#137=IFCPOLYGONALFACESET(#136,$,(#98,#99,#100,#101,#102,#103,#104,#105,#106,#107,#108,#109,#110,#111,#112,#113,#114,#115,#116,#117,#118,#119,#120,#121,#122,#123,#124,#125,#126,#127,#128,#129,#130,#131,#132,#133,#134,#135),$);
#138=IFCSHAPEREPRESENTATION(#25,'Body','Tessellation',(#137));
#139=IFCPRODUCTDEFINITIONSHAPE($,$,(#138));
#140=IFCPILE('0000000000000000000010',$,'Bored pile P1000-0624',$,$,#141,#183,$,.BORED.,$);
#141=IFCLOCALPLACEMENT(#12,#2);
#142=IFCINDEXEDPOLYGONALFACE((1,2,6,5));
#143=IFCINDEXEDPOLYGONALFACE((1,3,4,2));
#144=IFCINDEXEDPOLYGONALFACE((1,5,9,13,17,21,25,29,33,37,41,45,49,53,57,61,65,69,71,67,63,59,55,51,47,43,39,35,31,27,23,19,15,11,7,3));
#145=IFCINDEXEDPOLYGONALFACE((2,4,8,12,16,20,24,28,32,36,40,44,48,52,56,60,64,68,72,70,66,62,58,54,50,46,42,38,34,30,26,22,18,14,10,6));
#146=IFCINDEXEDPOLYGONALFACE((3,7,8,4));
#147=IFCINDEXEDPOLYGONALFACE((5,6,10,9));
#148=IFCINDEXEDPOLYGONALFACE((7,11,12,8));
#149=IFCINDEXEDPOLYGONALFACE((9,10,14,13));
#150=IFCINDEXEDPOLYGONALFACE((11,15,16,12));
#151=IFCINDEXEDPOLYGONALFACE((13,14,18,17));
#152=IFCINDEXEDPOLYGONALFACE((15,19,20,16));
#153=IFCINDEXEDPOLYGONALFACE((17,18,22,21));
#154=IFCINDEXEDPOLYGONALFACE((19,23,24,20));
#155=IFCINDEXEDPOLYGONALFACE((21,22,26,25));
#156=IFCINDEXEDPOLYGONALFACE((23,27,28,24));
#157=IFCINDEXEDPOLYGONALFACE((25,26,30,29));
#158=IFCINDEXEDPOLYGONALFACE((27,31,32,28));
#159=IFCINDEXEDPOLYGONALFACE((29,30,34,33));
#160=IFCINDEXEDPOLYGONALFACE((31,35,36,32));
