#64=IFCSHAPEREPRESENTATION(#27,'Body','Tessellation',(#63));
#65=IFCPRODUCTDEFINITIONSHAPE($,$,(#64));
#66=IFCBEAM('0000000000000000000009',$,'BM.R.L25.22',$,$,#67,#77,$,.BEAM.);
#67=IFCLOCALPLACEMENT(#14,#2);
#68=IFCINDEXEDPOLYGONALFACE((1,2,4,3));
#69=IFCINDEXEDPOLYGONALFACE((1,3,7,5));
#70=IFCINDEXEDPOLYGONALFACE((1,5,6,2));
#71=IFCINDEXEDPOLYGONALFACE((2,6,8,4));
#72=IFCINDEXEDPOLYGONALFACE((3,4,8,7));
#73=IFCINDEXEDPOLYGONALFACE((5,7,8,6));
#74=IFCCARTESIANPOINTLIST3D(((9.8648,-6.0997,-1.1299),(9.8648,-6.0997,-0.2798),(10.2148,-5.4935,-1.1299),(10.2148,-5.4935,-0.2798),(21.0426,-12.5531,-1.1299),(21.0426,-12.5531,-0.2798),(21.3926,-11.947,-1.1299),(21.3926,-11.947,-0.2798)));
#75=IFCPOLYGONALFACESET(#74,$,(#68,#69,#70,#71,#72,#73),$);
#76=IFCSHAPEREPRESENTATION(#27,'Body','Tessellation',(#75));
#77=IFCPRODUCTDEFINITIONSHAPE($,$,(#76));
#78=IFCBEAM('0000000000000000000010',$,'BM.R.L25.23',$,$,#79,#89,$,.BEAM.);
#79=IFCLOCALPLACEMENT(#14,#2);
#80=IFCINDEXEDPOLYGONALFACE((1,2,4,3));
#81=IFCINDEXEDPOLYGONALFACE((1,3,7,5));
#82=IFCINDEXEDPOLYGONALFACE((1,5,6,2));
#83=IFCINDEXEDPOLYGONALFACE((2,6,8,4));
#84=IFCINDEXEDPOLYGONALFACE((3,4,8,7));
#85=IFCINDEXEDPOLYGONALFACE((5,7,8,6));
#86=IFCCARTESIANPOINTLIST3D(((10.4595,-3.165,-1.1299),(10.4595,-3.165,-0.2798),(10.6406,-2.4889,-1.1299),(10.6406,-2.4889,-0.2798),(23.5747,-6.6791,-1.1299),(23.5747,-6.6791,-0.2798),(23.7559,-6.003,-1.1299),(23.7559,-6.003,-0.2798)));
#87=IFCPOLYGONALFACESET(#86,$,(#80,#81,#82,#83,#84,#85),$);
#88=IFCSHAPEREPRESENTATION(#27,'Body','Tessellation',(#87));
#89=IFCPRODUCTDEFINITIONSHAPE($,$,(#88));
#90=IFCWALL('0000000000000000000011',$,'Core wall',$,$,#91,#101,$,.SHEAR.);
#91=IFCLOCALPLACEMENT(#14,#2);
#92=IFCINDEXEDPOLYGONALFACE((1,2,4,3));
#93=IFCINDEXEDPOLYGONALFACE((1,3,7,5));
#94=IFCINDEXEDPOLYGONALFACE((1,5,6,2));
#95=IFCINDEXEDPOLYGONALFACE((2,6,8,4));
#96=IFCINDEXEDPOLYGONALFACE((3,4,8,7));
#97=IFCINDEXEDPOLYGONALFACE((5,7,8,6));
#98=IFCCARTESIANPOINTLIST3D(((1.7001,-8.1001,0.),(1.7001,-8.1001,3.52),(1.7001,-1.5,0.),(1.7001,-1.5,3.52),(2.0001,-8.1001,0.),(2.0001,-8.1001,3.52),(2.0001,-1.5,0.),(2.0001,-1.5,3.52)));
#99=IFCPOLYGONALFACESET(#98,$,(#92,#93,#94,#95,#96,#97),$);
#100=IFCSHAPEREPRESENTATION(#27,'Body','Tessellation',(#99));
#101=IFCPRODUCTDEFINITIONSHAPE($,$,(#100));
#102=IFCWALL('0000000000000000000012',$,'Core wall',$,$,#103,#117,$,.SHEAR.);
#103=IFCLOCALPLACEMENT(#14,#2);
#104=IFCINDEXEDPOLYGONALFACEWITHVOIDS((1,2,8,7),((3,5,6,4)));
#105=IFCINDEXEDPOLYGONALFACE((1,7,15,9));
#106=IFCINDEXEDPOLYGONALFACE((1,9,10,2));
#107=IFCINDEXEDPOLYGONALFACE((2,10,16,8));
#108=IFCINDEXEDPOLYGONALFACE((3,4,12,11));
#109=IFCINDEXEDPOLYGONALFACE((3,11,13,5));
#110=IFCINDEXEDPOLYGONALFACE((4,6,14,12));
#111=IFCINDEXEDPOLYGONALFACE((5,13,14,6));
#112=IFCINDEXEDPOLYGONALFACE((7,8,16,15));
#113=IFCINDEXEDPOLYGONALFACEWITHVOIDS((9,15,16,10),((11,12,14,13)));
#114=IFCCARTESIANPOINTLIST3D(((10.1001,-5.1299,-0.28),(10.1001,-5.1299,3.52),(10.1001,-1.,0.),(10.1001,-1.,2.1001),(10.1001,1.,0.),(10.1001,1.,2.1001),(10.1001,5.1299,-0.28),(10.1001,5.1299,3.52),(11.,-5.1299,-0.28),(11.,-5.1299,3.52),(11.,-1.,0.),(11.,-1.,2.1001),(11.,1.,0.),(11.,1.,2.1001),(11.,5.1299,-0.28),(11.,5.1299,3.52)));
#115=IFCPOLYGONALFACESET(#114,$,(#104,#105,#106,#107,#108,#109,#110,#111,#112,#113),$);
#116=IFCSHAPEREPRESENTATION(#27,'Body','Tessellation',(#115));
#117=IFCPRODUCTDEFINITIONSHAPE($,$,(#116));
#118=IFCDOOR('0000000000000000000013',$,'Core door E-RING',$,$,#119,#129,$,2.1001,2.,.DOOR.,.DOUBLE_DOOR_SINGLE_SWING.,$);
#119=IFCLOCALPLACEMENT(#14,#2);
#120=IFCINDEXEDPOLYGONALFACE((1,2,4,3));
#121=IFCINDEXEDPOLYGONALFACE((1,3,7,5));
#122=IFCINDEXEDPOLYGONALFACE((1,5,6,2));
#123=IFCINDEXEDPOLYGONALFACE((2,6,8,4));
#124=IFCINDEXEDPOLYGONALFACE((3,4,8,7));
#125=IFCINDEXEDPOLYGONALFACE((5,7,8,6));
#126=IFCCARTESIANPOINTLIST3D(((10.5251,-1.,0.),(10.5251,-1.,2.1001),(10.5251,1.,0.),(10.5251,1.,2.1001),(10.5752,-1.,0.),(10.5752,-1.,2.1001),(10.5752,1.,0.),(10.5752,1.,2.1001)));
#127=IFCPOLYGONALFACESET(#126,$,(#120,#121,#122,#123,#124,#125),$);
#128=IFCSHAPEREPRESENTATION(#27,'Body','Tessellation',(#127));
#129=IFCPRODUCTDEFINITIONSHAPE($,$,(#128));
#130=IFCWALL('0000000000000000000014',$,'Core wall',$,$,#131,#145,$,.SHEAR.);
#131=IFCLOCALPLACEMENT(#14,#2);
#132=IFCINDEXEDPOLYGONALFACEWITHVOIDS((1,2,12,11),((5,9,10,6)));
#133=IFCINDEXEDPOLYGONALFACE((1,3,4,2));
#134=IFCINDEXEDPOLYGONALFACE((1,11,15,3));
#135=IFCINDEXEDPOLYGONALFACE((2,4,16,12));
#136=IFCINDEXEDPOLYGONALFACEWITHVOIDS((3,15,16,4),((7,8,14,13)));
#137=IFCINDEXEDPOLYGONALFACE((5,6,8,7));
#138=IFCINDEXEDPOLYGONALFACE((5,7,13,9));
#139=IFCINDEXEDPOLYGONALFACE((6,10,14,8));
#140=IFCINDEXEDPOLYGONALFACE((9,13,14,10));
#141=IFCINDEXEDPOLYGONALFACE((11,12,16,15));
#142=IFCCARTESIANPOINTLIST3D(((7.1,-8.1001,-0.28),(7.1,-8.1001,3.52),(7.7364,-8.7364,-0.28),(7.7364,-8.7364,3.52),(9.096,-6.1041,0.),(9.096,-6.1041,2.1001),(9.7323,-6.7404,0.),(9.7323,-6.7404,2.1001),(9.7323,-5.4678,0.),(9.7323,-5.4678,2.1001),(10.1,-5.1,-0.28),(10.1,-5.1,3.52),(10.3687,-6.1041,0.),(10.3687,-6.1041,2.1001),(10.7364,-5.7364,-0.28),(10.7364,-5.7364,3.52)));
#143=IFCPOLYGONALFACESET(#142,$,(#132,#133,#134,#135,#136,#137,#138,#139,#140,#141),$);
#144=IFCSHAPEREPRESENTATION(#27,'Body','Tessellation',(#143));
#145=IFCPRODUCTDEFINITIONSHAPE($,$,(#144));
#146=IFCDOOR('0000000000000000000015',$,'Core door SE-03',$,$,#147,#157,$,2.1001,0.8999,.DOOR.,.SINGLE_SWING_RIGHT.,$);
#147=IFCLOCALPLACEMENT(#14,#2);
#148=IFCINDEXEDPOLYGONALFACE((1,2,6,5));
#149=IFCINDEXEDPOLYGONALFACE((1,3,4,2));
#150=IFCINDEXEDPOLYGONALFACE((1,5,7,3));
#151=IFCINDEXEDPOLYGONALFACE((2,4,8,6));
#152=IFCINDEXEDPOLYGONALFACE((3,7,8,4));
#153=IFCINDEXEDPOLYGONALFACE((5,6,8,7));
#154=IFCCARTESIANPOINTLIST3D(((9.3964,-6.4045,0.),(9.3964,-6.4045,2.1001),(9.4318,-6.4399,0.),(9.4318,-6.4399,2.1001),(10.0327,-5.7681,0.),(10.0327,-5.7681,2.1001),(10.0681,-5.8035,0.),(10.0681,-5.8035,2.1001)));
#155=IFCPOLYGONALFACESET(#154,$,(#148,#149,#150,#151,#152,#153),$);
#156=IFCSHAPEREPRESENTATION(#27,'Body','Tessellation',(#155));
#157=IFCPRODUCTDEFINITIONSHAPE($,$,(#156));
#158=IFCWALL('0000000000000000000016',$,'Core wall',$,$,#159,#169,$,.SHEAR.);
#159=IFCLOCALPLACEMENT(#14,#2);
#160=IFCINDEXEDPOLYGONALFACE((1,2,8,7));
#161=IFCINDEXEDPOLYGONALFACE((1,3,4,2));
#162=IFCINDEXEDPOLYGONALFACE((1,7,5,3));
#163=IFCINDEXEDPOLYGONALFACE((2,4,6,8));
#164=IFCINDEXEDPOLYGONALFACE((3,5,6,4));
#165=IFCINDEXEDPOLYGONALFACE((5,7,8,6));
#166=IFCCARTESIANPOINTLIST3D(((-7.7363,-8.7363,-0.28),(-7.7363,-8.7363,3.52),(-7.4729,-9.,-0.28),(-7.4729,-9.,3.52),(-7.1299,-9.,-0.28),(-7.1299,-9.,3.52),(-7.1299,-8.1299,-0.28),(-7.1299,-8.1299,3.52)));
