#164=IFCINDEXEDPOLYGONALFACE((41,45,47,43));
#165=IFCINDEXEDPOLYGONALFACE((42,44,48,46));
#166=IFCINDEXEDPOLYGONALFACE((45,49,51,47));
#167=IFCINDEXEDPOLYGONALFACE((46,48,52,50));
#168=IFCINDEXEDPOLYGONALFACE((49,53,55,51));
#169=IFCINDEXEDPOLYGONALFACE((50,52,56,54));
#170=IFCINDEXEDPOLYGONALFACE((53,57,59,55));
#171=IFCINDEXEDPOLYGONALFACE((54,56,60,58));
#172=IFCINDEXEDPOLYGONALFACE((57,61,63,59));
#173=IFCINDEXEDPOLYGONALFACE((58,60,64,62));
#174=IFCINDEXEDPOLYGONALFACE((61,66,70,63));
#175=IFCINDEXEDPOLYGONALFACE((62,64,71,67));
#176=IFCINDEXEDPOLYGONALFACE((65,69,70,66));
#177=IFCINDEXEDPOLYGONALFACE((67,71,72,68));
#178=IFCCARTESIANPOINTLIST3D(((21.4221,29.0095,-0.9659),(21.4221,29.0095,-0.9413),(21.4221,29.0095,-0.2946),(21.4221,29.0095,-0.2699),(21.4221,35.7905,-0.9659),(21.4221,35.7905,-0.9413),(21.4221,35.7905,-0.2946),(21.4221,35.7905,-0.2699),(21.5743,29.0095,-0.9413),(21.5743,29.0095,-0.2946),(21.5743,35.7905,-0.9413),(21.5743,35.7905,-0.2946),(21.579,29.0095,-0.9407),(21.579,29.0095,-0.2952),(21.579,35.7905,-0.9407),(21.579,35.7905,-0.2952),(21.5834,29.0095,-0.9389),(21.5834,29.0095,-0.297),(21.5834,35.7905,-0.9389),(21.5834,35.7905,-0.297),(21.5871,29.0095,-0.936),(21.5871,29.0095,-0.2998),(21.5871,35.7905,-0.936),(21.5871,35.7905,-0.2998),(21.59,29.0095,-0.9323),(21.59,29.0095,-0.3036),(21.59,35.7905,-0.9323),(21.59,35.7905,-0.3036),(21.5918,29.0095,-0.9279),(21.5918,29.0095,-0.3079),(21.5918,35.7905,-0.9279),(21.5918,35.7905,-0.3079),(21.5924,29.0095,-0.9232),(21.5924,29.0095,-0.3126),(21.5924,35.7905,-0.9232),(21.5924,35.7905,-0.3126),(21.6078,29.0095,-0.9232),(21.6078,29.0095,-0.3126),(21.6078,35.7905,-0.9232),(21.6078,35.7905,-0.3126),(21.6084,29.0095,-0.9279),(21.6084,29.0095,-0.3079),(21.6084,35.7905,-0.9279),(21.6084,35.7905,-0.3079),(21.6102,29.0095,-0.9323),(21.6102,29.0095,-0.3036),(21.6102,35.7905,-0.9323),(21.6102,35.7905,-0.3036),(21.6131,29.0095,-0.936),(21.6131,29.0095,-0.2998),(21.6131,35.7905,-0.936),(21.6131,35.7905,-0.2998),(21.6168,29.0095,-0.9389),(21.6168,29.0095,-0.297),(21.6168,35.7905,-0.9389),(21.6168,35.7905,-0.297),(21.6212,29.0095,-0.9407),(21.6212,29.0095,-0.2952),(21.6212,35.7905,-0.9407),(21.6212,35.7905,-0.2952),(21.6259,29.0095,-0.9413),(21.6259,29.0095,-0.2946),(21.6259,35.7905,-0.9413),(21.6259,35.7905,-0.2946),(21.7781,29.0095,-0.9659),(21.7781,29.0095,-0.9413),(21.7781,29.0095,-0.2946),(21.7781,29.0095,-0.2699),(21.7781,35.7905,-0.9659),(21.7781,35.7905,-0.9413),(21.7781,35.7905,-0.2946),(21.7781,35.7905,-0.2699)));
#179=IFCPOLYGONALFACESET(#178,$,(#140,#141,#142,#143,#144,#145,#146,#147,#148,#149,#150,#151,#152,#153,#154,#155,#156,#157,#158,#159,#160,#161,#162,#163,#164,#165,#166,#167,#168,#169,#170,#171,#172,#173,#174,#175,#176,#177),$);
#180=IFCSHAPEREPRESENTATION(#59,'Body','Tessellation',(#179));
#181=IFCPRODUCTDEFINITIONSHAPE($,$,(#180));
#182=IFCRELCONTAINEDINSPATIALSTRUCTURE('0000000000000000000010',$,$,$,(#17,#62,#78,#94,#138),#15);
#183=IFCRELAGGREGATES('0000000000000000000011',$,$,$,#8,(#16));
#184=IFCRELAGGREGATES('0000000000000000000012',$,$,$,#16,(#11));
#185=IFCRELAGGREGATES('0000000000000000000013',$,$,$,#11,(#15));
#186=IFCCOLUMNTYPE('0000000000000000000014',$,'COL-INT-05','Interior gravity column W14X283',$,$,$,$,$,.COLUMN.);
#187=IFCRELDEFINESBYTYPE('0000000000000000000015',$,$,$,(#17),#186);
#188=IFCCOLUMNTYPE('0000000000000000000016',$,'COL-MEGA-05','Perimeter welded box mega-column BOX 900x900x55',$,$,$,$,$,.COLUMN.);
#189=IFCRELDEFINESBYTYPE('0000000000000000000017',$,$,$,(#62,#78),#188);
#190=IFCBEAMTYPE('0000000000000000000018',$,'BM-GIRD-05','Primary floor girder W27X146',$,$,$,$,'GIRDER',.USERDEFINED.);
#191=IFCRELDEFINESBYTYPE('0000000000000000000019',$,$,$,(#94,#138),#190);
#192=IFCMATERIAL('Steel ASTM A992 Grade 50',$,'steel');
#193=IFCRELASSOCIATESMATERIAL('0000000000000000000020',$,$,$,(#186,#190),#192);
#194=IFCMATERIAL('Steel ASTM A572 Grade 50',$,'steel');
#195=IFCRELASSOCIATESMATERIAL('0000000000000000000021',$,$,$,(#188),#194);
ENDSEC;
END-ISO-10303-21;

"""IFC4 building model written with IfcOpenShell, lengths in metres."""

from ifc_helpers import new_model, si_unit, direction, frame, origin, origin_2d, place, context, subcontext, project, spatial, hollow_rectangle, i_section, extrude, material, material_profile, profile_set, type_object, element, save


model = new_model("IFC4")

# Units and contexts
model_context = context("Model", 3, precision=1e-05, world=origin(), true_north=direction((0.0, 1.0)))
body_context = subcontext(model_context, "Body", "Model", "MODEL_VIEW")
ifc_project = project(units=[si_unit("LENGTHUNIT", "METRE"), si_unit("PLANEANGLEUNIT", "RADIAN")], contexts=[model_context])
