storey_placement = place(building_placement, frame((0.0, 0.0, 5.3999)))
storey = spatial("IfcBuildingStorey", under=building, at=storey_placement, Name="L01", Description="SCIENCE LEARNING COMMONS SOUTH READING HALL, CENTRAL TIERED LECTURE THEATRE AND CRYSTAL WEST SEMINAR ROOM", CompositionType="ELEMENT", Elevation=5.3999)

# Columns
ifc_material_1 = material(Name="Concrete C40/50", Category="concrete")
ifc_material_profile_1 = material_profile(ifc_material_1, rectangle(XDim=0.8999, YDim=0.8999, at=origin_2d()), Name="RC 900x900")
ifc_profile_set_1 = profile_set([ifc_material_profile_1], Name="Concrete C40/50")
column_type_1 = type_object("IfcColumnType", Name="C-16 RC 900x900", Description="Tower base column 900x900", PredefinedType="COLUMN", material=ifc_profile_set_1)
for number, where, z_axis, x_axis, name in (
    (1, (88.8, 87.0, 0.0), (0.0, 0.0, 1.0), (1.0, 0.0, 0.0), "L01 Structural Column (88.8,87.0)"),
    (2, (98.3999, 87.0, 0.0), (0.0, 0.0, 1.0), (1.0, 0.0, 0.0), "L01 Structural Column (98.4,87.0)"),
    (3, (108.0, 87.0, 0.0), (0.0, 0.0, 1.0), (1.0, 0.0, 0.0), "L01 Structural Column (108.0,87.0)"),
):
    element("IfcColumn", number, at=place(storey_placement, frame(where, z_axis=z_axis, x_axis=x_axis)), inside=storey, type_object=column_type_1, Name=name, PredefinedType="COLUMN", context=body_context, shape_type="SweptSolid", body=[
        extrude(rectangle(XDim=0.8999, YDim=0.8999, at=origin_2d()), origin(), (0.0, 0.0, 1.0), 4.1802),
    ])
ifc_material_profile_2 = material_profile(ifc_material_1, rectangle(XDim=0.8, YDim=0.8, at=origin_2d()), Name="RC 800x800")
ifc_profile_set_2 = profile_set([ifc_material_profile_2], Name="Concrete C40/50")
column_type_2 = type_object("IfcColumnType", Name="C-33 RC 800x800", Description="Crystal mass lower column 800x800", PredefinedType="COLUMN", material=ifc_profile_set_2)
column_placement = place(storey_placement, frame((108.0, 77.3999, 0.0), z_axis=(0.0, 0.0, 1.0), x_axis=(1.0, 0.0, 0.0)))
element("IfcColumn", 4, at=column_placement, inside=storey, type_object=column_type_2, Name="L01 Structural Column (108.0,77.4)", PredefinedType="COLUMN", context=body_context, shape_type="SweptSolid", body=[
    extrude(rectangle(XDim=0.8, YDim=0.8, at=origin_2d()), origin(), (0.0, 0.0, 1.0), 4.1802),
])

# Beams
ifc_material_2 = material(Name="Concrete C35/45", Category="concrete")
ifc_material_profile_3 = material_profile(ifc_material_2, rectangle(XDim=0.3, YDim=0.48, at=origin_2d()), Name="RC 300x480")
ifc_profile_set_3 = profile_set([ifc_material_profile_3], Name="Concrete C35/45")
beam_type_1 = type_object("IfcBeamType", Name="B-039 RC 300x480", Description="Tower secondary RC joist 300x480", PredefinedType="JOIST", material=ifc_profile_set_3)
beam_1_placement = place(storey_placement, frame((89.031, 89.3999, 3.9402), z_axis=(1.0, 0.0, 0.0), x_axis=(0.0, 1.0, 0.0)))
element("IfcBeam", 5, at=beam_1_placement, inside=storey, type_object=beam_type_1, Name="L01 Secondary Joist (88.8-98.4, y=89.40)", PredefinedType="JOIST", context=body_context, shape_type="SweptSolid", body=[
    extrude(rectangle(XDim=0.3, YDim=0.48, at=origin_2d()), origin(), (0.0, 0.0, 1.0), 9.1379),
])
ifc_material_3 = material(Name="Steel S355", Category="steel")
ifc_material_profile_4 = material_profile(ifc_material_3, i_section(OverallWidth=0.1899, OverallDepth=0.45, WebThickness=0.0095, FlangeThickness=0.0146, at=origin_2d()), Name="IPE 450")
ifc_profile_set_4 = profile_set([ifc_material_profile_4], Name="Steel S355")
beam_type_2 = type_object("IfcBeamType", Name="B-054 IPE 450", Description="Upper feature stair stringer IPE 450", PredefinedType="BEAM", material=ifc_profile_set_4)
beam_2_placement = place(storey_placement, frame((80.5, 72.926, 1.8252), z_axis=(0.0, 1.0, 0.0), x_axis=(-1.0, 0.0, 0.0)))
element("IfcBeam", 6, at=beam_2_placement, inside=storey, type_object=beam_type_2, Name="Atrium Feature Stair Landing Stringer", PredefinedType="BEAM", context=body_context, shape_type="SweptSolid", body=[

• ABOUT THIS TASK: Of all the entries above, output exactly the lines between the one holding "#192=IFCMATERIAL('Steel ASTM A992" and the one holding "# Units and contexts", inclusive.

• WRITTEN ANSWER:
#192=IFCMATERIAL('Steel ASTM A992 Grade 50',$,'steel');
#193=IFCRELASSOCIATESMATERIAL('0000000000000000000020',$,$,$,(#186,#190),#192);
#194=IFCMATERIAL('Steel ASTM A572 Grade 50',$,'steel');
#195=IFCRELASSOCIATESMATERIAL('0000000000000000000021',$,$,$,(#188),#194);
ENDSEC;
END-ISO-10303-21;

"""IFC4 building model written with IfcOpenShell, lengths in metres."""

from ifc_helpers import new_model, si_unit, direction, frame, origin, origin_2d, place, context, subcontext, project, spatial, hollow_rectangle, i_section, extrude, material, material_profile, profile_set, type_object, element, save


model = new_model("IFC4")

# Units and contexts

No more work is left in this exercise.